-- Opening Marker --

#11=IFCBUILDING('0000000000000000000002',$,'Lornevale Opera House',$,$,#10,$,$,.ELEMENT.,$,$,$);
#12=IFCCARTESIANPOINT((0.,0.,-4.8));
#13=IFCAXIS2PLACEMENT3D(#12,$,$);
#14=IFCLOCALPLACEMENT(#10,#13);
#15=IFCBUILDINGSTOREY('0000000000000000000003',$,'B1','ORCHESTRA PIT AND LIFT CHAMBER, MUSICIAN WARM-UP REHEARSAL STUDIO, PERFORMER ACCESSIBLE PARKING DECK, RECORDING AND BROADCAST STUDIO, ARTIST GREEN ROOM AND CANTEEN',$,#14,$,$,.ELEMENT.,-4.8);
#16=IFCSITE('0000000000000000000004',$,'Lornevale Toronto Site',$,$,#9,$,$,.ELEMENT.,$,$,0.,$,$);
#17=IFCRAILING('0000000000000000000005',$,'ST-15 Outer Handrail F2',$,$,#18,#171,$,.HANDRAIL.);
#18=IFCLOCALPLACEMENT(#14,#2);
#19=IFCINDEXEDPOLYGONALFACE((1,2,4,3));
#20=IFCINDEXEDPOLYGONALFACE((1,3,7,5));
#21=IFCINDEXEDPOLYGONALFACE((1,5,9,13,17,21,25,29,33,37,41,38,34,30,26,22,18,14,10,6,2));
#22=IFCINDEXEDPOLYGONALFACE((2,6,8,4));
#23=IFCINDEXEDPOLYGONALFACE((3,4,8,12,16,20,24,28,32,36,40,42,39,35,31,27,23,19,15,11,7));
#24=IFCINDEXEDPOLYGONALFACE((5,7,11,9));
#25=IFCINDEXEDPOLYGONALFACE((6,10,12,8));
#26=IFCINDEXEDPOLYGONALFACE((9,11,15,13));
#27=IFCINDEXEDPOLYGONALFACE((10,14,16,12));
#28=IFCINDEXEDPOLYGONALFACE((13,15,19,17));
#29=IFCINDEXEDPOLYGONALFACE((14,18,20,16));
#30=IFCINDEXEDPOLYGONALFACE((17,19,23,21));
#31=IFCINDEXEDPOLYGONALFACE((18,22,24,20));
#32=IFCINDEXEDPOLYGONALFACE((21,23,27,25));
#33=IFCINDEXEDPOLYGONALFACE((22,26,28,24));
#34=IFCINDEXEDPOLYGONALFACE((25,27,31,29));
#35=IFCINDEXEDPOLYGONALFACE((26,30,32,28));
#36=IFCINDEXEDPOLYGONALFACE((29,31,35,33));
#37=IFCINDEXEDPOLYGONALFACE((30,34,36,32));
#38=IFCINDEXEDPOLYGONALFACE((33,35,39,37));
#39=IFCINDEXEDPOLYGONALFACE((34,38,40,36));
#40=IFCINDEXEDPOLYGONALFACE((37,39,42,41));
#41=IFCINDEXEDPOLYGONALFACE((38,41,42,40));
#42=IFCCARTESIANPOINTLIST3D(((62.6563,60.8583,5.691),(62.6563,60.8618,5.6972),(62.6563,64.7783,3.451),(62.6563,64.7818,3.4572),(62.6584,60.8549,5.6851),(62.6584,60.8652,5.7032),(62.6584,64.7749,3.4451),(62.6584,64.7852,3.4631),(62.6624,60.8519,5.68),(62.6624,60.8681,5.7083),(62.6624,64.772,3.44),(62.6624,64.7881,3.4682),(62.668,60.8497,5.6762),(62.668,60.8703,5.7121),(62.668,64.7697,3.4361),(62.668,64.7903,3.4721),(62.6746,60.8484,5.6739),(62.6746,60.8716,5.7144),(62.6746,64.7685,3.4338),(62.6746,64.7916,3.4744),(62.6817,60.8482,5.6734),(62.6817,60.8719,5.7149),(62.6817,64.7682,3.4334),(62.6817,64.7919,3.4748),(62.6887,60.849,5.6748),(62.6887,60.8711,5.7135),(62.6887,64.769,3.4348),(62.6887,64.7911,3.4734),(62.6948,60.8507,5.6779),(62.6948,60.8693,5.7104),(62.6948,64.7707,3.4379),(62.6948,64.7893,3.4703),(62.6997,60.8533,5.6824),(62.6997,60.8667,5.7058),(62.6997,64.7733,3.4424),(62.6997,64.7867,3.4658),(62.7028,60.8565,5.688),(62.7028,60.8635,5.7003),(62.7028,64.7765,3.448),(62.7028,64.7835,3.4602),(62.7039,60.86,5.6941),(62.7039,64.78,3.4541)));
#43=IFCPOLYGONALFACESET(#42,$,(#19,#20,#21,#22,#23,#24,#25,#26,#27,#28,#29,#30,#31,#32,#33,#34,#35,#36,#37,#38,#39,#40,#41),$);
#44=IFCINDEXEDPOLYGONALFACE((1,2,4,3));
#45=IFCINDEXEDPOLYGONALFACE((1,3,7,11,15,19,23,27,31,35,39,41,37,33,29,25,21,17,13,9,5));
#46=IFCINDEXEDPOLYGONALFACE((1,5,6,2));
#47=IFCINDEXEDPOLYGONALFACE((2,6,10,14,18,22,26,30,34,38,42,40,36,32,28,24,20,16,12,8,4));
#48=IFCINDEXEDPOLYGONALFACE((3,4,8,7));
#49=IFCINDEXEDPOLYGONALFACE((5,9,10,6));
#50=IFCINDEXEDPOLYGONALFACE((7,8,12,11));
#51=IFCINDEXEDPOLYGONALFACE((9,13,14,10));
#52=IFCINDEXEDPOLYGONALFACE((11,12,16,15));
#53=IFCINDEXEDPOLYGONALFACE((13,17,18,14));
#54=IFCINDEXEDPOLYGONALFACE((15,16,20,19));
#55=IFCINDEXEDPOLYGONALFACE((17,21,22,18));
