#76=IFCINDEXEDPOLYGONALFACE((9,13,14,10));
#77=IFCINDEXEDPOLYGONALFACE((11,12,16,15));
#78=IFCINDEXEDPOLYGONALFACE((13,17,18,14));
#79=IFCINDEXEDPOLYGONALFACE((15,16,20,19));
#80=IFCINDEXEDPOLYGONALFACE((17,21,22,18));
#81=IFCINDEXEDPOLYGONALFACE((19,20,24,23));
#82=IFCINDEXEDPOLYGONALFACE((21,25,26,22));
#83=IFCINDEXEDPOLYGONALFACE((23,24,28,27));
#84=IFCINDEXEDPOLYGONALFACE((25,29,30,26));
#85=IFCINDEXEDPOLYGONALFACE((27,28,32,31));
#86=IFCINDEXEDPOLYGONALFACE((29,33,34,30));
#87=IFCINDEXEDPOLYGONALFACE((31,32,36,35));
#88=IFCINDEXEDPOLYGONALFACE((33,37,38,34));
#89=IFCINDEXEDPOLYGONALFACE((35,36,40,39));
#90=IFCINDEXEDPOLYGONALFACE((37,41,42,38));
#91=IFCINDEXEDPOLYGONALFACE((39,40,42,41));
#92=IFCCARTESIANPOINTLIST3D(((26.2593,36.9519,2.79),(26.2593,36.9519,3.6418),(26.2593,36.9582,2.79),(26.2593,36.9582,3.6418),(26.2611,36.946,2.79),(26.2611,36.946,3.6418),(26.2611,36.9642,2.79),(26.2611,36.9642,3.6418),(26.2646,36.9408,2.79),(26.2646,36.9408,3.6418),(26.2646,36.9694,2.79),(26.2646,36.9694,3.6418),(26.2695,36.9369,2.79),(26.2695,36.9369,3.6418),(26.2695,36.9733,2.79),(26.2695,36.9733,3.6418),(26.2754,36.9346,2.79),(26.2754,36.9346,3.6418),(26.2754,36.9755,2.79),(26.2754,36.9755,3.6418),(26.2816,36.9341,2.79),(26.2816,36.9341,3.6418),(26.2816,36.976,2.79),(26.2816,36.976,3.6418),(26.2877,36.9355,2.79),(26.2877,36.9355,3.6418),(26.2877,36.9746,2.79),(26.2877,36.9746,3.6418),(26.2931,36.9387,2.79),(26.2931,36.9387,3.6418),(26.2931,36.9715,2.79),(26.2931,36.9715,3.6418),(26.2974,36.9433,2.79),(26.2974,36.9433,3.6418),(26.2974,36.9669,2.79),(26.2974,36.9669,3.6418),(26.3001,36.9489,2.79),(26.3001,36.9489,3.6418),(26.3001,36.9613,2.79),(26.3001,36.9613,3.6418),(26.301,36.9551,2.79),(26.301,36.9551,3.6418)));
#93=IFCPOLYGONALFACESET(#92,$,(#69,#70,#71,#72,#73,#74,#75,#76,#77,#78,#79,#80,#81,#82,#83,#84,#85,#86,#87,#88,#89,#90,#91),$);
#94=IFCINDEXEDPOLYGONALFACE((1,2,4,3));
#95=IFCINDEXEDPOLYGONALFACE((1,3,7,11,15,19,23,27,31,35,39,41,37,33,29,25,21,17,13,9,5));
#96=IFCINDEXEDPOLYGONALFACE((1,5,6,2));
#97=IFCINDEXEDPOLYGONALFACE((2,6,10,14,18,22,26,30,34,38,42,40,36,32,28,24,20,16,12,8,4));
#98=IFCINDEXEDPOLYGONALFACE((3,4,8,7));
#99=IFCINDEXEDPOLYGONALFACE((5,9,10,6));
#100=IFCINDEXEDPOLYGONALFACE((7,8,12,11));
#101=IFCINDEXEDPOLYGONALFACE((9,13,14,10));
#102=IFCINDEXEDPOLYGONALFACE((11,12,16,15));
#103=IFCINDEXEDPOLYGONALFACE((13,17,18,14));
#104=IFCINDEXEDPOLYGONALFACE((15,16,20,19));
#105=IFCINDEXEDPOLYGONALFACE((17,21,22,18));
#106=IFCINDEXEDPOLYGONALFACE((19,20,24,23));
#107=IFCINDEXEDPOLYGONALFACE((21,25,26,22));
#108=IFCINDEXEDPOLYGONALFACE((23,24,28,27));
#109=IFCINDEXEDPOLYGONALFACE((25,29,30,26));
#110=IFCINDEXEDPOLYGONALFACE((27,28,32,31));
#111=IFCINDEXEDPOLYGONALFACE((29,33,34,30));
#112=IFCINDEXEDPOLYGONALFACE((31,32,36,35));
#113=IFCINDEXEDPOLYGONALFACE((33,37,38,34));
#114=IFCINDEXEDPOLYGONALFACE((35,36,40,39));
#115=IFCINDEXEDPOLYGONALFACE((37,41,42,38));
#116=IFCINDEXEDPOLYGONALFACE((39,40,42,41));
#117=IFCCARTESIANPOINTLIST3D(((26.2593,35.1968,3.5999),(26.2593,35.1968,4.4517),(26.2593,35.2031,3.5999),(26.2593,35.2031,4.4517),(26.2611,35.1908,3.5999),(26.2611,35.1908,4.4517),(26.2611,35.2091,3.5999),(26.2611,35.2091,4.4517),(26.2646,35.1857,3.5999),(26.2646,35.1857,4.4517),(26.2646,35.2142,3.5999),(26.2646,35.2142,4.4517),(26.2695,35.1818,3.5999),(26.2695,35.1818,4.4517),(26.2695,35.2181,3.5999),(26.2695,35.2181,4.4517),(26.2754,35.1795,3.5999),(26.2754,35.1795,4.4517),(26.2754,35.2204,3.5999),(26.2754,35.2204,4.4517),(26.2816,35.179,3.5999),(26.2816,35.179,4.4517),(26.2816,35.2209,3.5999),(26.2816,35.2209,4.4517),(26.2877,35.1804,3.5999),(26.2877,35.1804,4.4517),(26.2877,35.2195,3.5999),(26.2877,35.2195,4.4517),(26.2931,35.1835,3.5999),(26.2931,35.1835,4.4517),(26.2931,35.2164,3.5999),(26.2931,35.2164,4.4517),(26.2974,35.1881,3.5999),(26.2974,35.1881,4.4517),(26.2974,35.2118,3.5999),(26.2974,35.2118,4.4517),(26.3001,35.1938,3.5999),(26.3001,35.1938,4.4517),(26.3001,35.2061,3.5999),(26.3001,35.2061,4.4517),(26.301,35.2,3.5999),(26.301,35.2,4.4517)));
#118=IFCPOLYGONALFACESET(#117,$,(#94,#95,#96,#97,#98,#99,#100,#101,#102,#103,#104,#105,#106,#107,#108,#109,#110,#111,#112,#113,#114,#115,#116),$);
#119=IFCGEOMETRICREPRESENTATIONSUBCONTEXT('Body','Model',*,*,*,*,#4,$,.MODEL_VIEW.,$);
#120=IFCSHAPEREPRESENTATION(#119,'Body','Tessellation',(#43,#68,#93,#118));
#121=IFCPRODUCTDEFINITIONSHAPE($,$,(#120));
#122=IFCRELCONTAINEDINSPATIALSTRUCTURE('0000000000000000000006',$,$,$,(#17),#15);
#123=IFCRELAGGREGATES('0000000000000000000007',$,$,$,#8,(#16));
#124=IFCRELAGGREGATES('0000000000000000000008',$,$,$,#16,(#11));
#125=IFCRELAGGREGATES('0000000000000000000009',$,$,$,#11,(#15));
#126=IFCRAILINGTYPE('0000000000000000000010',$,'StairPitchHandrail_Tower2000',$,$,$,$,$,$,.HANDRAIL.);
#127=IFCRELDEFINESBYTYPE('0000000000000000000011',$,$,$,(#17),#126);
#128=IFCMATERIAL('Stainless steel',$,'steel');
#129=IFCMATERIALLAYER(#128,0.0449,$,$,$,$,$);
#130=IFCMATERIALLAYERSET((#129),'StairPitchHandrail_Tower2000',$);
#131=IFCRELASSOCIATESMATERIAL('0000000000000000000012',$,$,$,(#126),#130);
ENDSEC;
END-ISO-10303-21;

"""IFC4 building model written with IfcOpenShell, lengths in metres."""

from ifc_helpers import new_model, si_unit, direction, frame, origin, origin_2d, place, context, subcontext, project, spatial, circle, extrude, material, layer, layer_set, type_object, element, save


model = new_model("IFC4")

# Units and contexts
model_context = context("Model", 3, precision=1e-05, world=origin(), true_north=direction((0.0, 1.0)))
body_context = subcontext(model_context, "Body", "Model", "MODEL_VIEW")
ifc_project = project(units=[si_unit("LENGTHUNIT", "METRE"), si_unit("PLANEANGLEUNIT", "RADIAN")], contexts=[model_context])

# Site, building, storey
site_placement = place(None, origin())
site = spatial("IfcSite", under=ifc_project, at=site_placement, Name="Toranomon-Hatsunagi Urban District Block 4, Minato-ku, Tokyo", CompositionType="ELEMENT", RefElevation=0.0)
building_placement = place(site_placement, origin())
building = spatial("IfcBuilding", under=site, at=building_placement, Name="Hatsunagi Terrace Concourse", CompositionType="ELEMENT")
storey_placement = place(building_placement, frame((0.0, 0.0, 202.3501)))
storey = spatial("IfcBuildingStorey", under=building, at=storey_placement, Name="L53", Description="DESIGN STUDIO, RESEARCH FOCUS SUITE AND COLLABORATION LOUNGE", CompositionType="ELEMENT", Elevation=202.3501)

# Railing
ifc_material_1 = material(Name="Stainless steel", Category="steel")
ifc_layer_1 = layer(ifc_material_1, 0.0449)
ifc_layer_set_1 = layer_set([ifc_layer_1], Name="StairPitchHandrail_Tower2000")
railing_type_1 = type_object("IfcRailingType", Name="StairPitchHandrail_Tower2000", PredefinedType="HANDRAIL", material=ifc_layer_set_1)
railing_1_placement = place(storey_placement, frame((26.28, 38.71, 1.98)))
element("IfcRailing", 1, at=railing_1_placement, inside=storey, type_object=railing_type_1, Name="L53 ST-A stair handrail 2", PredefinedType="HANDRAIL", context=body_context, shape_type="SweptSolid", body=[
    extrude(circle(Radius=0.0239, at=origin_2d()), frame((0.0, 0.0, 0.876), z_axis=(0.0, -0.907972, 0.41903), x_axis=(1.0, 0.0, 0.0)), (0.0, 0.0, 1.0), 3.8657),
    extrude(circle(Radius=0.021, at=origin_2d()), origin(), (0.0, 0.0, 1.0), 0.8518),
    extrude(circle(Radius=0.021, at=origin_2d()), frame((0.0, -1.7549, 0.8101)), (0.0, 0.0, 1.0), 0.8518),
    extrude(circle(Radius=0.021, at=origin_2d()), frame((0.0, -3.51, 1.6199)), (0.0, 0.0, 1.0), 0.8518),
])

-- Closing Marker --

▶ **WHAT YOU NEED TO DO**
Restate the material word for word, but only from its first line through the line containing "#14=IFCLOCALPLACEMENT(#10,#13);".

▶ **RESULT**
#11=IFCBUILDING('0000000000000000000002',$,'Lornevale Opera House',$,$,#10,$,$,.ELEMENT.,$,$,$);
#12=IFCCARTESIANPOINT((0.,0.,-4.8));
#13=IFCAXIS2PLACEMENT3D(#12,$,$);
#14=IFCLOCALPLACEMENT(#10,#13);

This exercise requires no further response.